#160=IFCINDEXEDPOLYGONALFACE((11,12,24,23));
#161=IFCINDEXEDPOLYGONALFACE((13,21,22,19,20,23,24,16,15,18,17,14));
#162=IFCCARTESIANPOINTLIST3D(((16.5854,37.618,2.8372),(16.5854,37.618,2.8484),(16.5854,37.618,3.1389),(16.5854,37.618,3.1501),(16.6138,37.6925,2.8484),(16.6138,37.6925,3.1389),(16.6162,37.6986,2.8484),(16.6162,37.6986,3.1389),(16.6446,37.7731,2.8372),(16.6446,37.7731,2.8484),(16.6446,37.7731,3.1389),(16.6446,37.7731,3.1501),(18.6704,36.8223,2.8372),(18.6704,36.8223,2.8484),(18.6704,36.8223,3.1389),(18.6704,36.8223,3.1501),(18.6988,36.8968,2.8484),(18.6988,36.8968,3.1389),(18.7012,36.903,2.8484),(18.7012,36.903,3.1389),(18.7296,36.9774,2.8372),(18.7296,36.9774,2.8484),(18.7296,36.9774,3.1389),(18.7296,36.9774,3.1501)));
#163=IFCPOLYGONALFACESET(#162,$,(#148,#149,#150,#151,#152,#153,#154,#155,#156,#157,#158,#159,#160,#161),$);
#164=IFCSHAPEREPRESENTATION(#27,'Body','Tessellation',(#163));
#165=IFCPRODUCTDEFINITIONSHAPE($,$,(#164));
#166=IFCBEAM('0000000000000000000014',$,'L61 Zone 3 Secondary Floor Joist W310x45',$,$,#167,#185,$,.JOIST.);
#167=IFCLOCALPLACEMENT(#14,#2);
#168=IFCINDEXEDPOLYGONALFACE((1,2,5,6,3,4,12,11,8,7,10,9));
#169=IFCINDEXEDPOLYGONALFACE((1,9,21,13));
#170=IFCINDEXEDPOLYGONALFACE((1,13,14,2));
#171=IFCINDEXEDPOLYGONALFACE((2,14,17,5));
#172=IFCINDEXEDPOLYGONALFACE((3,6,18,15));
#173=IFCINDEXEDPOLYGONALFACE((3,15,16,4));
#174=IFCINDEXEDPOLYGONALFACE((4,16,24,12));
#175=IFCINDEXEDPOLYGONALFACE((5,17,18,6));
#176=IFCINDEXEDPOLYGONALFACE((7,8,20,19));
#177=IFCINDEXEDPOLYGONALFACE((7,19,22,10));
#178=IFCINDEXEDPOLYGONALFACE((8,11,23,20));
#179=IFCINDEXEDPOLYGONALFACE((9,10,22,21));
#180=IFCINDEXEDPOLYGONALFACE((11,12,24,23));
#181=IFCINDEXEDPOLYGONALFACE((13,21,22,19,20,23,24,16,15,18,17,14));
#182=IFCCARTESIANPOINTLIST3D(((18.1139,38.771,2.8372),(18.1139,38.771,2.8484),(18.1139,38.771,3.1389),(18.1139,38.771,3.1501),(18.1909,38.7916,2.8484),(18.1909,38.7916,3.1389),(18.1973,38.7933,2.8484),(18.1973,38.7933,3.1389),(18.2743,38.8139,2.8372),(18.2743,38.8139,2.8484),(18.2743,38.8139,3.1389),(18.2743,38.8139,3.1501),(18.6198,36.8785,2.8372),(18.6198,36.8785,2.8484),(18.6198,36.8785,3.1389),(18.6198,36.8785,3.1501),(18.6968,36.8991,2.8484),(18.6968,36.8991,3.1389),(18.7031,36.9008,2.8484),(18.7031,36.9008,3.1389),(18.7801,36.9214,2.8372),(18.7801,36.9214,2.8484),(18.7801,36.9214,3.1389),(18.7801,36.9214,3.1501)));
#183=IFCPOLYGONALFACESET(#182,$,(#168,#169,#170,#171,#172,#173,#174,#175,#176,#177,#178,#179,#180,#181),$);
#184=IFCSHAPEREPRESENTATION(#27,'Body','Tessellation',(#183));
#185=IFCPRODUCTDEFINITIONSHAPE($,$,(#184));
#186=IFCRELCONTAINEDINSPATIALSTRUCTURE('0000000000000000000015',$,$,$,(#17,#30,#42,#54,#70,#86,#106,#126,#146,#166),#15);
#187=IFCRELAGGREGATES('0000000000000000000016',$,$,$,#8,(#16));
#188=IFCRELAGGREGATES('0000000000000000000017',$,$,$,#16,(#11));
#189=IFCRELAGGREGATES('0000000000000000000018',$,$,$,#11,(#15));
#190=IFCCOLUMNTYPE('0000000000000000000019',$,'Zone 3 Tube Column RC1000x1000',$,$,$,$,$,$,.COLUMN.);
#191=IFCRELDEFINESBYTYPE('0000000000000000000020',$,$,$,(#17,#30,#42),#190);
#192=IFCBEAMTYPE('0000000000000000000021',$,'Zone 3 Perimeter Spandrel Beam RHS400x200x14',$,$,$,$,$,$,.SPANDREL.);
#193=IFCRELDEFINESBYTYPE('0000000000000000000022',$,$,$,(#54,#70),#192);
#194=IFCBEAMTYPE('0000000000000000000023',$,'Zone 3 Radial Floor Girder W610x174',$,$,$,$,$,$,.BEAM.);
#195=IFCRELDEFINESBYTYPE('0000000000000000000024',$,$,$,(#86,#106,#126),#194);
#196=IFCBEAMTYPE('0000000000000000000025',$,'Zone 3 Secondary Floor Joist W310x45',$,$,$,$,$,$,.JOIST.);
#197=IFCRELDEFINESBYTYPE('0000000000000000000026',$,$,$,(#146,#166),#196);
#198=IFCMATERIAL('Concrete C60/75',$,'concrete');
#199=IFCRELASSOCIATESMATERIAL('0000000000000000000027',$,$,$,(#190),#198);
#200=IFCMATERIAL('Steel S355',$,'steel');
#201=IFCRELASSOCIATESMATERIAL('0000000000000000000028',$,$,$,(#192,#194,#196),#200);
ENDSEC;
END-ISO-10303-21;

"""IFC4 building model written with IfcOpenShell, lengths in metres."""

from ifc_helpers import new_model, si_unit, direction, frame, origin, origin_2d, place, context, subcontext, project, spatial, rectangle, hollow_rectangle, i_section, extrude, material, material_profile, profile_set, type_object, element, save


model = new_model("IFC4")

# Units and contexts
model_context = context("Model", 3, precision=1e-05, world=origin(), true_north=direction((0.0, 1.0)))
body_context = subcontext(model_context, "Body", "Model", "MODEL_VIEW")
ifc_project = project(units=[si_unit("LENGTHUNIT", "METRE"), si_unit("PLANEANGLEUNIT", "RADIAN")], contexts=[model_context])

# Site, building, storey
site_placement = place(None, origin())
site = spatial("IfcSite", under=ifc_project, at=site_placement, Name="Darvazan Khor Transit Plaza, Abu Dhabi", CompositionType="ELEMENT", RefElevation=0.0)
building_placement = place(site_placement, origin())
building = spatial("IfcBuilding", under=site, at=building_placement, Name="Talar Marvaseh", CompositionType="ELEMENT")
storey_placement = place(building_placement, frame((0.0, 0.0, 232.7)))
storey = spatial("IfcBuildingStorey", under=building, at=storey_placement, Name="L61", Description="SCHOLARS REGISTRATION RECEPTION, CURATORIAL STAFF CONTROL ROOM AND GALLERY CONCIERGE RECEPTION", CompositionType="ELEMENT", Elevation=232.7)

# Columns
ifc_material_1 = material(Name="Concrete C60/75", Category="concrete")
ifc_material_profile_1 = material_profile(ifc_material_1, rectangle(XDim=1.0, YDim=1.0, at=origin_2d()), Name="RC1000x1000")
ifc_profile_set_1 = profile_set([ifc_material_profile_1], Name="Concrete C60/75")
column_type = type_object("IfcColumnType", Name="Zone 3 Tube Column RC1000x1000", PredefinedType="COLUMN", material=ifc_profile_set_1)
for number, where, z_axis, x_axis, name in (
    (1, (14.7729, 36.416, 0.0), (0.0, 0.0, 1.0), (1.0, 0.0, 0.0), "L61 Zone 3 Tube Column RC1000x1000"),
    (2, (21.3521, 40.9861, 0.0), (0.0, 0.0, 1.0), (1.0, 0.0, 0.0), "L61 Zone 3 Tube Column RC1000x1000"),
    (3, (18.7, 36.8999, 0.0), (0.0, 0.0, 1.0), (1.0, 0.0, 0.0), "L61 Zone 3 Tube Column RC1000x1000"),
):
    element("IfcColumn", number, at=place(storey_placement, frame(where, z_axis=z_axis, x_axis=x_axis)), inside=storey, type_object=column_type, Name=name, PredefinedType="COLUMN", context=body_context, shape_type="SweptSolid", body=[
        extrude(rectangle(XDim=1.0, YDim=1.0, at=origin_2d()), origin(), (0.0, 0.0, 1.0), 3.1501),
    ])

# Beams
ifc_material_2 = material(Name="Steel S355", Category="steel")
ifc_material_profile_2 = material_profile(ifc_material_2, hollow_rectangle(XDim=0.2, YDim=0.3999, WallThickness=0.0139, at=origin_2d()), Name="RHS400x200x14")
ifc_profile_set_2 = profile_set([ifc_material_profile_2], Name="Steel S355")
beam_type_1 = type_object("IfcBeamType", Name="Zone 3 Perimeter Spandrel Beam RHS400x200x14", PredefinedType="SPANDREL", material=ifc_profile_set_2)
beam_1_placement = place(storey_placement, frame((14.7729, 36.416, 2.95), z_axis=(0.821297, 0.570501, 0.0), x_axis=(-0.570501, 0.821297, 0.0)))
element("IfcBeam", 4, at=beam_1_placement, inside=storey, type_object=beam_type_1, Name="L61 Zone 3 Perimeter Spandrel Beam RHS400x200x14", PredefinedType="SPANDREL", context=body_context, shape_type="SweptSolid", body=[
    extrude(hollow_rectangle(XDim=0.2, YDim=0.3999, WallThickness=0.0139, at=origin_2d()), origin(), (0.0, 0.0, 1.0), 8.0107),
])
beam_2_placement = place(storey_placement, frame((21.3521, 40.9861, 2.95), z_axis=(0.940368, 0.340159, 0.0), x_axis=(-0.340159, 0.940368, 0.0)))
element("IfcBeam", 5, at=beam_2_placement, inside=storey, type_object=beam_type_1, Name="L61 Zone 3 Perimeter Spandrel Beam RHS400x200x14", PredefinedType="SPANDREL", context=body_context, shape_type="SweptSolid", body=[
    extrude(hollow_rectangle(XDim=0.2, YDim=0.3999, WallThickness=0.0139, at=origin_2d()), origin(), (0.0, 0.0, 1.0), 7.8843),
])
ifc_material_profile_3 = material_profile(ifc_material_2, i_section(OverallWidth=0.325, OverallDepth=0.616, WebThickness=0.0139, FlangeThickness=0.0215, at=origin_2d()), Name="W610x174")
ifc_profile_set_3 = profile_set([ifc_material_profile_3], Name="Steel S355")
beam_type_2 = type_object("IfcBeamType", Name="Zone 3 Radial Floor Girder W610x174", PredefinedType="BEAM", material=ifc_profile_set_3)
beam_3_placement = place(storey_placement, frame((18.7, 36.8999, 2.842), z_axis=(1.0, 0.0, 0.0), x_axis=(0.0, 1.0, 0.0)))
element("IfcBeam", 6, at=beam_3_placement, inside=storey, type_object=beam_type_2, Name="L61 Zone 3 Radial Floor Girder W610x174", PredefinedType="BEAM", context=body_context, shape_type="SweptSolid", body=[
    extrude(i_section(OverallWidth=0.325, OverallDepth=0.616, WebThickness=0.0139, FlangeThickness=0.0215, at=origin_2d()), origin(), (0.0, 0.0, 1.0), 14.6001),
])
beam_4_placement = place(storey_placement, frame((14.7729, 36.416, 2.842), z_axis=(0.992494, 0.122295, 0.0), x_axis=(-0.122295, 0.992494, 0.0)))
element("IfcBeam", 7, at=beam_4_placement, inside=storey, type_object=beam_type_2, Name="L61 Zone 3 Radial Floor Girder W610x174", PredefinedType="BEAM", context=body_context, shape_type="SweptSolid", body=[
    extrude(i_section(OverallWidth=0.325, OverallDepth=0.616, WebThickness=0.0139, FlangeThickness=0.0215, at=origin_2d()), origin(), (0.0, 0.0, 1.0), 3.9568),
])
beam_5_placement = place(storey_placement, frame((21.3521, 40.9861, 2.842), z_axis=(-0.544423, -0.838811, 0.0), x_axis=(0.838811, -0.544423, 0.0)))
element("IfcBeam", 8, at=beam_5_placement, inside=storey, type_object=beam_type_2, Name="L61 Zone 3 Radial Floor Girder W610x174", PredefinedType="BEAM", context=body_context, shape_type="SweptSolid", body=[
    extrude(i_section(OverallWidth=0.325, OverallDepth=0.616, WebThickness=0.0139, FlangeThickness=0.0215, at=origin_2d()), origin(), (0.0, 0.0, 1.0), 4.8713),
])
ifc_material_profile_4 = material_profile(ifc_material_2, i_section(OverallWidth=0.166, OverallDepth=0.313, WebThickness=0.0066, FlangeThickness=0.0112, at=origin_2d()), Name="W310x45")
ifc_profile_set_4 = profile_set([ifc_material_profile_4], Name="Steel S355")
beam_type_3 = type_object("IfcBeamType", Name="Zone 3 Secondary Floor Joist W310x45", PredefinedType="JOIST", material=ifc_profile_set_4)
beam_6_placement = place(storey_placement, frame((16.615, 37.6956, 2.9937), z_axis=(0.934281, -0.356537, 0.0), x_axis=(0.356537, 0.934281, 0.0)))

###

• **ASSIGNMENT**: Retype, exactly as shown, the lines from the one with "x_axis=(-0.122295, 0.992494, 0.0)))" through the end of the records.

• **EXERCISE RESPONSE**:
beam_4_placement = place(storey_placement, frame((14.7729, 36.416, 2.842), z_axis=(0.992494, 0.122295, 0.0), x_axis=(-0.122295, 0.992494, 0.0)))
element("IfcBeam", 7, at=beam_4_placement, inside=storey, type_object=beam_type_2, Name="L61 Zone 3 Radial Floor Girder W610x174", PredefinedType="BEAM", context=body_context, shape_type="SweptSolid", body=[
    extrude(i_section(OverallWidth=0.325, OverallDepth=0.616, WebThickness=0.0139, FlangeThickness=0.0215, at=origin_2d()), origin(), (0.0, 0.0, 1.0), 3.9568),
])
beam_5_placement = place(storey_placement, frame((21.3521, 40.9861, 2.842), z_axis=(-0.544423, -0.838811, 0.0), x_axis=(0.838811, -0.544423, 0.0)))
element("IfcBeam", 8, at=beam_5_placement, inside=storey, type_object=beam_type_2, Name="L61 Zone 3 Radial Floor Girder W610x174", PredefinedType="BEAM", context=body_context, shape_type="SweptSolid", body=[
    extrude(i_section(OverallWidth=0.325, OverallDepth=0.616, WebThickness=0.0139, FlangeThickness=0.0215, at=origin_2d()), origin(), (0.0, 0.0, 1.0), 4.8713),
])
ifc_material_profile_4 = material_profile(ifc_material_2, i_section(OverallWidth=0.166, OverallDepth=0.313, WebThickness=0.0066, FlangeThickness=0.0112, at=origin_2d()), Name="W310x45")
ifc_profile_set_4 = profile_set([ifc_material_profile_4], Name="Steel S355")
beam_type_3 = type_object("IfcBeamType", Name="Zone 3 Secondary Floor Joist W310x45", PredefinedType="JOIST", material=ifc_profile_set_4)
beam_6_placement = place(storey_placement, frame((16.615, 37.6956, 2.9937), z_axis=(0.934281, -0.356537, 0.0), x_axis=(0.356537, 0.934281, 0.0)))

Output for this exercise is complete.